[Opening RECORDS TO USE section]
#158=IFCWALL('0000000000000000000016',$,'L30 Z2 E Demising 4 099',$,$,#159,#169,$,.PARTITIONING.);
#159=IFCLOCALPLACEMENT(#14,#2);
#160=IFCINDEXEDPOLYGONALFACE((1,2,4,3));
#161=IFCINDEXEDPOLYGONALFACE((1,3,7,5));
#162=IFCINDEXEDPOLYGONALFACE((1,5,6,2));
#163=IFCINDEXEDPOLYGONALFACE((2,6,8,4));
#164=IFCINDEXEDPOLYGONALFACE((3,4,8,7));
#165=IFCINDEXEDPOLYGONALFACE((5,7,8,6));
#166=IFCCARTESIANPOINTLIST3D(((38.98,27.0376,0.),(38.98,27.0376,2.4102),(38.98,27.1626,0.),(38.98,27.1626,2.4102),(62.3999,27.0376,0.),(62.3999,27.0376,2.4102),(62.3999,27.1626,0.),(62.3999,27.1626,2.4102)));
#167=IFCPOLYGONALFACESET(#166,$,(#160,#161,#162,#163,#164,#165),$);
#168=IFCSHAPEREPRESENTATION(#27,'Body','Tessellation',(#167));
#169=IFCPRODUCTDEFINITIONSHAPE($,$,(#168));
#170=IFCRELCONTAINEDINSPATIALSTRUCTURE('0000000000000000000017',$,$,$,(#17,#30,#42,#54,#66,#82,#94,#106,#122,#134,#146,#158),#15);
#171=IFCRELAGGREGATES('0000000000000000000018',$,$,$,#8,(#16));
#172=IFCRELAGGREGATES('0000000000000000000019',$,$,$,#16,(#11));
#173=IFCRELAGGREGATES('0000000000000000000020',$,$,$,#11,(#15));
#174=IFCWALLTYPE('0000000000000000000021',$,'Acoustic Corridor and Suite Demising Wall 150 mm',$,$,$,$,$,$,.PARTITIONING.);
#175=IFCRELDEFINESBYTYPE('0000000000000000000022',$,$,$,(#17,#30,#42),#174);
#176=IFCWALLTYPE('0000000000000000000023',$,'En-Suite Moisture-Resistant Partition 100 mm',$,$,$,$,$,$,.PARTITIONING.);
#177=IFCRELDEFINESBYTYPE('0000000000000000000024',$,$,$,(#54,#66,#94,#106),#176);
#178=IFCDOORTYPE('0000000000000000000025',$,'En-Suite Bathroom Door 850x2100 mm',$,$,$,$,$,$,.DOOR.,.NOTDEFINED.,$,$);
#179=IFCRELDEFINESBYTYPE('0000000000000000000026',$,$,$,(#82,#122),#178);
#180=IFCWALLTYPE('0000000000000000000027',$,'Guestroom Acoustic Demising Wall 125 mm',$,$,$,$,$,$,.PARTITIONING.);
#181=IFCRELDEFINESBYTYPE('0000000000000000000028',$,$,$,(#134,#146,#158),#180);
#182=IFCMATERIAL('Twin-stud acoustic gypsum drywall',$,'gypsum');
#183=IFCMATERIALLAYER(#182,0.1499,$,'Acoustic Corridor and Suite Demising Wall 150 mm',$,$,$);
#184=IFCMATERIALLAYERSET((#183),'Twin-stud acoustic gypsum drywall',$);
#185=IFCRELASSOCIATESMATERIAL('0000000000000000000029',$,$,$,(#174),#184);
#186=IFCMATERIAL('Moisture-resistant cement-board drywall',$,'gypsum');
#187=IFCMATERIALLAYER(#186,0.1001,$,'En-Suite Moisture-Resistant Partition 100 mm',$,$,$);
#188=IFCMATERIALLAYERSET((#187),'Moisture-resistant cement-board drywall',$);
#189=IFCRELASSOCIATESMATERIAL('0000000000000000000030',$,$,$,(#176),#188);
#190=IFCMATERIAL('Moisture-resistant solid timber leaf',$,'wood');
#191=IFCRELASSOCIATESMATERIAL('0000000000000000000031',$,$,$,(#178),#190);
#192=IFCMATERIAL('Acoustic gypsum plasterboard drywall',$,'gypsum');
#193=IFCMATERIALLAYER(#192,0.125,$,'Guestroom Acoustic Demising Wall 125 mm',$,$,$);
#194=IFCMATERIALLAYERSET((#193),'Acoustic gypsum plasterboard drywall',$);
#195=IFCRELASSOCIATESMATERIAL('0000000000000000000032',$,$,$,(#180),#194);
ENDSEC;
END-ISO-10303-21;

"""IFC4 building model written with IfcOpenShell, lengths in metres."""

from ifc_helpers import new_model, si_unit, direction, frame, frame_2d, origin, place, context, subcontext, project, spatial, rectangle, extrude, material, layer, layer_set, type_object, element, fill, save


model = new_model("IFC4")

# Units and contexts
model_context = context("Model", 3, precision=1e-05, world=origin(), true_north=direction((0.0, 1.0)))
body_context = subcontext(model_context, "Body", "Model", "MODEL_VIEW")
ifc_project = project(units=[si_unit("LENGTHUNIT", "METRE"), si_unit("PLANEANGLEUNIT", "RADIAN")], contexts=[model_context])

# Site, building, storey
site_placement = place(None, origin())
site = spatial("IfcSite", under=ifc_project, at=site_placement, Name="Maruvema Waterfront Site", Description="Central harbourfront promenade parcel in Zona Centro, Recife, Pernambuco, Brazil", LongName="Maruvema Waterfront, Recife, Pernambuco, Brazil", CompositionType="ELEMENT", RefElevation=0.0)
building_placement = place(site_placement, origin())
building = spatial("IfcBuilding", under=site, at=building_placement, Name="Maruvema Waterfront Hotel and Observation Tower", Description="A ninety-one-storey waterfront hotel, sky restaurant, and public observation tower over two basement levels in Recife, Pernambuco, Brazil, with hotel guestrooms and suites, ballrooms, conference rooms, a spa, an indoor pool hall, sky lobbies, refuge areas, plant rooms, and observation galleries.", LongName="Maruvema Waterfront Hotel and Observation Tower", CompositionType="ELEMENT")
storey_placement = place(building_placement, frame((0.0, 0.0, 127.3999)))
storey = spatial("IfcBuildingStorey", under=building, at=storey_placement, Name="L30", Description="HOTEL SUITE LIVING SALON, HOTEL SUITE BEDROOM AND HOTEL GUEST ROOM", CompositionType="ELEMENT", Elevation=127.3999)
[Closing RECORDS TO USE section]
TASK DIRECTIONS:
Take the listing above and repeat exactly the lines from the one containing "Wall 125 mm',$,$,$,$,$,$,.PARTITIONING.);" through the one containing "#183=IFCMATERIALLAYER(#182,0.1499,$,'Acoustic Corridor and", both included.

WRITTEN SOLUTION:
#180=IFCWALLTYPE('0000000000000000000027',$,'Guestroom Acoustic Demising Wall 125 mm',$,$,$,$,$,$,.PARTITIONING.);
#181=IFCRELDEFINESBYTYPE('0000000000000000000028',$,$,$,(#134,#146,#158),#180);
#182=IFCMATERIAL('Twin-stud acoustic gypsum drywall',$,'gypsum');
#183=IFCMATERIALLAYER(#182,0.1499,$,'Acoustic Corridor and Suite Demising Wall 150 mm',$,$,$);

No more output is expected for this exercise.